Data provided =
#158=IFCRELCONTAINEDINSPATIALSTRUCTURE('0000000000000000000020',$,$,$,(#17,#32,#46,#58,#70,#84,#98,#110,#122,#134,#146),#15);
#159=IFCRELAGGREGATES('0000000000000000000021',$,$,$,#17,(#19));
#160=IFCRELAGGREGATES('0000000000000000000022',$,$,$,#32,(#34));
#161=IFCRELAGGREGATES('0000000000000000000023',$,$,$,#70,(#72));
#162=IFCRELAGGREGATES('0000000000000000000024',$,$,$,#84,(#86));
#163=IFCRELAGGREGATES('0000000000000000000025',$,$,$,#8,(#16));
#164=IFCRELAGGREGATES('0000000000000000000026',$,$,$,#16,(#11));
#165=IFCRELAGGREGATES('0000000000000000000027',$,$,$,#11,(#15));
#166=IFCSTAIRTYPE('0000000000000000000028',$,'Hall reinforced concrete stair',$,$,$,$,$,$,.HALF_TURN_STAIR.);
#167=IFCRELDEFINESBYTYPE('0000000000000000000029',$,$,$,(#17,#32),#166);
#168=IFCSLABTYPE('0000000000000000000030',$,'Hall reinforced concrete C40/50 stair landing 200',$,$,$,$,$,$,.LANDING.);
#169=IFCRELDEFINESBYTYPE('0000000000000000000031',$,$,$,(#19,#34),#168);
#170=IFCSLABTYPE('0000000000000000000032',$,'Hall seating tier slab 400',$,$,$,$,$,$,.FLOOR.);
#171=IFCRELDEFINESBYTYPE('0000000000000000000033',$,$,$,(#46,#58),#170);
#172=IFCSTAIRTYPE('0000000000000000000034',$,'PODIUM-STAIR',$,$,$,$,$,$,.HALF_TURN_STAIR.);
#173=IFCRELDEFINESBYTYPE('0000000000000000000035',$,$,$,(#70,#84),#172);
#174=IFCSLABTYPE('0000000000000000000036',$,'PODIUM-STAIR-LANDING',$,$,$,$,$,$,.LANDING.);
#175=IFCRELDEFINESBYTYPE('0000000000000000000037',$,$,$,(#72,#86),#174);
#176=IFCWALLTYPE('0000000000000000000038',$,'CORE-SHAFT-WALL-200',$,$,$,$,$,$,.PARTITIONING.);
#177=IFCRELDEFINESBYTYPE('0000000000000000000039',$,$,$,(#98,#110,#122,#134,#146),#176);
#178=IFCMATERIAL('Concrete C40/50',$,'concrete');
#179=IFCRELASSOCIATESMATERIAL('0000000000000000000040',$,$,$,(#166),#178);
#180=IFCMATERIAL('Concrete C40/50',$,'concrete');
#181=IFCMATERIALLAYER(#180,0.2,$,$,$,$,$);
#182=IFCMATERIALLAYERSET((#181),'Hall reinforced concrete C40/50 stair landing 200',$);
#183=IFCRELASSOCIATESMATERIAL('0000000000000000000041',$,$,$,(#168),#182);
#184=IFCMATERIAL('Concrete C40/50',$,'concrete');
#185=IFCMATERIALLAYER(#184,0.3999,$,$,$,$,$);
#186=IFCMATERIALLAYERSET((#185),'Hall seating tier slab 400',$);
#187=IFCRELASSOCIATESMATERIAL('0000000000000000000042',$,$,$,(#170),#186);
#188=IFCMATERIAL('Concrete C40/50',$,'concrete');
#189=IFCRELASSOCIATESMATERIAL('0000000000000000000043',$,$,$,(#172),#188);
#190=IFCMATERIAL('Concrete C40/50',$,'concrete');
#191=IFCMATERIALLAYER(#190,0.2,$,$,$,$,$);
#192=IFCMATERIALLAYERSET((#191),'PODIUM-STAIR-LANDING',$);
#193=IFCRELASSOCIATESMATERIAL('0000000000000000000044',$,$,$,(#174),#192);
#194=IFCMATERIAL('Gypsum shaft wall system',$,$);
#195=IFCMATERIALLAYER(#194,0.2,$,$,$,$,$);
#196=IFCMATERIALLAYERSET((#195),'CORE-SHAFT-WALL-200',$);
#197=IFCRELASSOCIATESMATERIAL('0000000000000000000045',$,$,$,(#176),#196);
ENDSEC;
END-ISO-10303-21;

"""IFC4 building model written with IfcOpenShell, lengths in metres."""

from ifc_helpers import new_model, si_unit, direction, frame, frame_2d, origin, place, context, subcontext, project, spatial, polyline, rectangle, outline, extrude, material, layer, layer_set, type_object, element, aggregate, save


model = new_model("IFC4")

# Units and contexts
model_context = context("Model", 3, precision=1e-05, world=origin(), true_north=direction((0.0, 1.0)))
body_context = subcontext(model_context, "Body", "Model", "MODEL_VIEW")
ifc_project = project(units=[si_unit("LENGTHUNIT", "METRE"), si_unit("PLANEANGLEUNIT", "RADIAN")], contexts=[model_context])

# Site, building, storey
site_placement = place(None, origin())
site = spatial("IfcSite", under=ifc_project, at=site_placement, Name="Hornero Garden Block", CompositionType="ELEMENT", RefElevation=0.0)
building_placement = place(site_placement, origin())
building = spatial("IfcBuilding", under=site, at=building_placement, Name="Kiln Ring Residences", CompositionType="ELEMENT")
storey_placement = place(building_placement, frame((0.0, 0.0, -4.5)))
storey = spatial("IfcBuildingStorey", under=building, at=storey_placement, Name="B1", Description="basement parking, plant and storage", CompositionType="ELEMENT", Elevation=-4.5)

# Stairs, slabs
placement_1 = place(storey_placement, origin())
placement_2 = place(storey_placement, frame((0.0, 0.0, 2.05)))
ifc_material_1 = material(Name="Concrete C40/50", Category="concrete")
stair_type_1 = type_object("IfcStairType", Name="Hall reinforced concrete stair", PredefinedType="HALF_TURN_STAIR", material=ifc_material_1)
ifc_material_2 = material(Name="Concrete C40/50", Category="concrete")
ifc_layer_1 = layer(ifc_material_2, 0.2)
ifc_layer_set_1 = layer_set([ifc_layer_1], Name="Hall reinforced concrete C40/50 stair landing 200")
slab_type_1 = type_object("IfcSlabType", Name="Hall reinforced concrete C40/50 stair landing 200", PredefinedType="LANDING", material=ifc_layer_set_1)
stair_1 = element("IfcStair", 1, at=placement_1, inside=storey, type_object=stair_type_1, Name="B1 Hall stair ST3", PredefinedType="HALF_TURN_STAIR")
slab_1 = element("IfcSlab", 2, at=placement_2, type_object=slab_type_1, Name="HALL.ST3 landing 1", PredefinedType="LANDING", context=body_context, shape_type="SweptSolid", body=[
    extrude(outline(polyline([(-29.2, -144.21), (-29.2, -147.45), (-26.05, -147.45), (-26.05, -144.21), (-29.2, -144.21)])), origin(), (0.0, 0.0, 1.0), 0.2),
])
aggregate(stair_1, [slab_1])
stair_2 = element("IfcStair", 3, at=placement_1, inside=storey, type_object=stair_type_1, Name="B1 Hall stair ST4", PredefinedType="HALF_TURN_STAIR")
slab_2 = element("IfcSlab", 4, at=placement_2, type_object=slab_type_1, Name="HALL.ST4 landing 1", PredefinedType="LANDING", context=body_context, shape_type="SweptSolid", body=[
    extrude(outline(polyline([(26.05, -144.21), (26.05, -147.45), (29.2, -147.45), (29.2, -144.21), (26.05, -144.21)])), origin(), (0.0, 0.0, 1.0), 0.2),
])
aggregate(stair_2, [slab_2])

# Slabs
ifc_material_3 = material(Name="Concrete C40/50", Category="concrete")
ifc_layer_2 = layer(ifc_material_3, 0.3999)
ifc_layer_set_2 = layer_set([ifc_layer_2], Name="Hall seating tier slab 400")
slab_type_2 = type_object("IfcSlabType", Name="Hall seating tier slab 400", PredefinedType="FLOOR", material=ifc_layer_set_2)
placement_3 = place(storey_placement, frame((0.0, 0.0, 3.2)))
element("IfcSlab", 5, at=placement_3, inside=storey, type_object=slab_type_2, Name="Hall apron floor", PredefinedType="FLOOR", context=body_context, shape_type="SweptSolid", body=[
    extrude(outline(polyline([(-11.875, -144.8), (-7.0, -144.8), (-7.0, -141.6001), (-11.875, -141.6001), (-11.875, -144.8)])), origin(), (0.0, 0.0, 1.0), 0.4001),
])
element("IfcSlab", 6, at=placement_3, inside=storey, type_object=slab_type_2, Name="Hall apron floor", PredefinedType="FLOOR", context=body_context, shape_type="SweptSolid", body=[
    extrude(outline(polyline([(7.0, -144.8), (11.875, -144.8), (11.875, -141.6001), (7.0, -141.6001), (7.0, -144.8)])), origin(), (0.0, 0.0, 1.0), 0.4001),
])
--
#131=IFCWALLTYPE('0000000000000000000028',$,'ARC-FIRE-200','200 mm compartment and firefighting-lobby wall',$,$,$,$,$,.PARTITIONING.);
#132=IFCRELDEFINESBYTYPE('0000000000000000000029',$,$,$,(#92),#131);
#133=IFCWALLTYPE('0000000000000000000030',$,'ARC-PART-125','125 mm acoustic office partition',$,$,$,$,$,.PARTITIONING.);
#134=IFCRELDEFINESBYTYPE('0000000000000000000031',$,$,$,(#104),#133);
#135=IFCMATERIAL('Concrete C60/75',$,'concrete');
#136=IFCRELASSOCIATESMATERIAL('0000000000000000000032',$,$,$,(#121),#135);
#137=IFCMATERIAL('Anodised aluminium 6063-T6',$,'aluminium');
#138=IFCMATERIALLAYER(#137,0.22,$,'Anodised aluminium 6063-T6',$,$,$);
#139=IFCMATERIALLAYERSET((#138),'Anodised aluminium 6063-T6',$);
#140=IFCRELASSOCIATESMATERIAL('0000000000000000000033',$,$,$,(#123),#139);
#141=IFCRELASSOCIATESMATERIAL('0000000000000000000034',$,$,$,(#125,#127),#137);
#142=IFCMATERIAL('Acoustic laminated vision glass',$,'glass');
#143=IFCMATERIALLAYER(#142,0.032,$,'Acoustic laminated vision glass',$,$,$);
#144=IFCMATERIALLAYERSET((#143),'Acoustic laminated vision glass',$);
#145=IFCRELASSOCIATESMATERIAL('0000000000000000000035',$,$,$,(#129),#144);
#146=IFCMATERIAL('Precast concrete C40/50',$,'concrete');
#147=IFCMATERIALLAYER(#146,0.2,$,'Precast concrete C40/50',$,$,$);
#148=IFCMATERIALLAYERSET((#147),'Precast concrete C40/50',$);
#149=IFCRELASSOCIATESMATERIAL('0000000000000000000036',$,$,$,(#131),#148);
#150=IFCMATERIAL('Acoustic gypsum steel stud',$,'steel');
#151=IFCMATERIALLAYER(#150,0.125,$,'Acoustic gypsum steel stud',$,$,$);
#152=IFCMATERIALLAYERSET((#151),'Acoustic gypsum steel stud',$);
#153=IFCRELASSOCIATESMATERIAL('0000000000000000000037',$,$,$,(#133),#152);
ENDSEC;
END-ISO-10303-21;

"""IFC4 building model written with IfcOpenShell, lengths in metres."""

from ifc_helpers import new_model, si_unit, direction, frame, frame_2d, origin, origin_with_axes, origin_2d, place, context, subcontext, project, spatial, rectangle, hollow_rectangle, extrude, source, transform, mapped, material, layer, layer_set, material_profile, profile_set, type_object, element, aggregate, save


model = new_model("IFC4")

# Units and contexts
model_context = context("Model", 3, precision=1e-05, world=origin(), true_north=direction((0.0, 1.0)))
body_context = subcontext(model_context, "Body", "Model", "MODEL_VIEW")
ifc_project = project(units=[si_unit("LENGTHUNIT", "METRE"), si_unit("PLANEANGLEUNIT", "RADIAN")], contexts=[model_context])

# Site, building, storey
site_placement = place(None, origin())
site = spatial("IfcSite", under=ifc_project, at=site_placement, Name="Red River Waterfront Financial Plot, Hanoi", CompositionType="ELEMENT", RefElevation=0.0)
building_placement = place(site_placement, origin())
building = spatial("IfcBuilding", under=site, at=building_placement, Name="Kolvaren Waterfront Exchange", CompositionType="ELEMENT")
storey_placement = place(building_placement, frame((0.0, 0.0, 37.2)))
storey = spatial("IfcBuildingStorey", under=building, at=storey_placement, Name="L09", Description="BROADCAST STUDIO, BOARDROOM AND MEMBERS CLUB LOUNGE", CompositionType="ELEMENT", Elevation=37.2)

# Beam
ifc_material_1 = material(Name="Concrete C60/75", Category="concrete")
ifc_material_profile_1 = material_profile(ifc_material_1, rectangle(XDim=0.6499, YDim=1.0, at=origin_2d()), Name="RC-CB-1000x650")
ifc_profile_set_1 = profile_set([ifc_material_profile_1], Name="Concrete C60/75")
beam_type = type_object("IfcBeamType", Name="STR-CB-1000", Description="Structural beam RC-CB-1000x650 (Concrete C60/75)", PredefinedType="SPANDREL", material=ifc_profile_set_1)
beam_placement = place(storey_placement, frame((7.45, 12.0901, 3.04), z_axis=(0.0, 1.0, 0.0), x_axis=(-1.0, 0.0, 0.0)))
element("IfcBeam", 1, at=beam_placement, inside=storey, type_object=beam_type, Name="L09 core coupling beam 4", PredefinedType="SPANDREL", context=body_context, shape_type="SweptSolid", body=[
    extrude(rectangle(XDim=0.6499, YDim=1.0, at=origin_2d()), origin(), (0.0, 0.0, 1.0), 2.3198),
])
==
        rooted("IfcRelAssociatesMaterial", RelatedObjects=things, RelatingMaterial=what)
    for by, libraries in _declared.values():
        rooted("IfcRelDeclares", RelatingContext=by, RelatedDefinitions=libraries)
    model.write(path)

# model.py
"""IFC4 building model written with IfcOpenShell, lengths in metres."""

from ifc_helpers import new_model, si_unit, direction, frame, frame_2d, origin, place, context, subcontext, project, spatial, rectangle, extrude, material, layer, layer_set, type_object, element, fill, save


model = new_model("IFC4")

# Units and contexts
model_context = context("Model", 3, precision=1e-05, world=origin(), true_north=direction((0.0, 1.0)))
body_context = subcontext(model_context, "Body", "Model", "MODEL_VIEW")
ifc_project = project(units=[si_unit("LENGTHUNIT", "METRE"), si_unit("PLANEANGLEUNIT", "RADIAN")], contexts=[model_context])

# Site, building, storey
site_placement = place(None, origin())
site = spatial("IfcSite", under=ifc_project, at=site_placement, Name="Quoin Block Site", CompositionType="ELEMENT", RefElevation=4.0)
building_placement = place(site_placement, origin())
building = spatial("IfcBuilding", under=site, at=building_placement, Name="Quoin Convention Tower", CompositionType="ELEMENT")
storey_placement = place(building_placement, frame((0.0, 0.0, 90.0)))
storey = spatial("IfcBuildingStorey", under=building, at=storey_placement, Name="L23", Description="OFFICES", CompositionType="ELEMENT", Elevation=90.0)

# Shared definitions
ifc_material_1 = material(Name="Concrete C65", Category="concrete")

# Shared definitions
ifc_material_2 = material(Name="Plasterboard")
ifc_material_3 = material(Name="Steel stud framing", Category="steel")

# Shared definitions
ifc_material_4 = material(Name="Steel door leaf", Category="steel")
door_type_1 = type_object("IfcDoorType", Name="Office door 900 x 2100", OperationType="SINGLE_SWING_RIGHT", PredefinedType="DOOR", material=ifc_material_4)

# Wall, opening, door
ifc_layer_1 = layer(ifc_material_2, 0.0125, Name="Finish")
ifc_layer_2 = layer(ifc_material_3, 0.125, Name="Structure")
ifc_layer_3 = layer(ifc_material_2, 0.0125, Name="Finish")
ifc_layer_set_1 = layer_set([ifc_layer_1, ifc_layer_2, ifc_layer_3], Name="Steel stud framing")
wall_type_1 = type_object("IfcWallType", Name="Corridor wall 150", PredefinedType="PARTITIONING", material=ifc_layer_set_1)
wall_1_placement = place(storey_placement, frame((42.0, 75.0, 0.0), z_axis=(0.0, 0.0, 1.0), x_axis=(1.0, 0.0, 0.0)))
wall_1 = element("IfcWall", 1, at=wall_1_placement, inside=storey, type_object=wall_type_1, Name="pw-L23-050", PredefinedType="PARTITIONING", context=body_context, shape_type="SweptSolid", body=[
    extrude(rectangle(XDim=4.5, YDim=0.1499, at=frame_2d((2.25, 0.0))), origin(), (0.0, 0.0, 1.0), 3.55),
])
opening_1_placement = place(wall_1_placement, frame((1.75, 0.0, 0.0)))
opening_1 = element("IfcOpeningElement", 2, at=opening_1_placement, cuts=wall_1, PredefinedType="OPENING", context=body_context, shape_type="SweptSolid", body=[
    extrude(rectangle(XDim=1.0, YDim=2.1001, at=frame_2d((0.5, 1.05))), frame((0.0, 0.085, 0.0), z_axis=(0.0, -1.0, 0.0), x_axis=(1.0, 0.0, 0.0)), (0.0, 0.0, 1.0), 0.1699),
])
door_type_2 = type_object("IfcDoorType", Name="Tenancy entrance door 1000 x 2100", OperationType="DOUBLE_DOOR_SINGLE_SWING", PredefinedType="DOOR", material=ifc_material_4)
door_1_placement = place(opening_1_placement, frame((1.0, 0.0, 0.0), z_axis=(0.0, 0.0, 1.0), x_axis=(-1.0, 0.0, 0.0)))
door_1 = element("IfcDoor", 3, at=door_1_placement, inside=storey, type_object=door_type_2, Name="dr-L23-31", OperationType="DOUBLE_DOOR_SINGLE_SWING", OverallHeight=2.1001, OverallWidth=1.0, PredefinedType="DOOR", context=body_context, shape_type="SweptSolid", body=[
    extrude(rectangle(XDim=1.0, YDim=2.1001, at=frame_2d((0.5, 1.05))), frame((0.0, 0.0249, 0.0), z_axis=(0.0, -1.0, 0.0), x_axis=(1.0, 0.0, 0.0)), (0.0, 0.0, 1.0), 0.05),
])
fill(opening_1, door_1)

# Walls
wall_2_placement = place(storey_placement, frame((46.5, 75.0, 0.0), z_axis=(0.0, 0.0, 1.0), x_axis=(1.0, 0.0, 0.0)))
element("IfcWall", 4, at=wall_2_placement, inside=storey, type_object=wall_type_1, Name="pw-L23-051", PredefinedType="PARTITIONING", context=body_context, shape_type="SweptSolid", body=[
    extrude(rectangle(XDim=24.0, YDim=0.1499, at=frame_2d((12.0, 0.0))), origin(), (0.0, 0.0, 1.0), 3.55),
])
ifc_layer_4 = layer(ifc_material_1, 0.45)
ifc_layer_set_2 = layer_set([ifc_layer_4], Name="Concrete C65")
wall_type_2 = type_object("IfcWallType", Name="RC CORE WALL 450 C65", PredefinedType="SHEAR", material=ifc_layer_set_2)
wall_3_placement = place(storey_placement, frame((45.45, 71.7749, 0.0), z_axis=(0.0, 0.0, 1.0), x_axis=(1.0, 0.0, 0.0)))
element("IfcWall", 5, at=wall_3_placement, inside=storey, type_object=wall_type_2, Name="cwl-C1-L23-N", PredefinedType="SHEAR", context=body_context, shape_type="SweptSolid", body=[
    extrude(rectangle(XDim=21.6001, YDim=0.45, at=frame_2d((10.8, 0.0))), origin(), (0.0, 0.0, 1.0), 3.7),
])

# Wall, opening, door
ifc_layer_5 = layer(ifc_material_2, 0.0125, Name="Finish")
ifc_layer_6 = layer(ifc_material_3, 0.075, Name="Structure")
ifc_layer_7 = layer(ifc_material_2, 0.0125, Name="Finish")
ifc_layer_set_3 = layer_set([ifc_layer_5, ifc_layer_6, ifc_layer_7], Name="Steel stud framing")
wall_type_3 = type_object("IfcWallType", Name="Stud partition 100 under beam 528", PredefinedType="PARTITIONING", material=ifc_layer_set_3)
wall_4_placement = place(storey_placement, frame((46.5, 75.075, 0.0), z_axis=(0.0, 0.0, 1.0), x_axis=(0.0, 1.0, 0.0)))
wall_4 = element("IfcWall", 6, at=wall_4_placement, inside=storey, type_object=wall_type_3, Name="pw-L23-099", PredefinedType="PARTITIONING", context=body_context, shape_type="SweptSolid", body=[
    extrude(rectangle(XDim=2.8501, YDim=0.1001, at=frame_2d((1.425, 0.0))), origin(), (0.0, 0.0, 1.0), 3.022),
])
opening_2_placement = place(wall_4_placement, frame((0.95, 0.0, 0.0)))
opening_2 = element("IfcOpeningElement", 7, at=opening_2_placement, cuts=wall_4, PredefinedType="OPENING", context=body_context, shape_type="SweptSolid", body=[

Aim of the task =
Read the lines above. Gather those in which the string "Block" is found.

Solution to this problem =
site = spatial("IfcSite", under=ifc_project, at=site_placement, Name="Hornero Garden Block", CompositionType="ELEMENT", RefElevation=0.0)
site = spatial("IfcSite", under=ifc_project, at=site_placement, Name="Quoin Block Site", CompositionType="ELEMENT", RefElevation=4.0)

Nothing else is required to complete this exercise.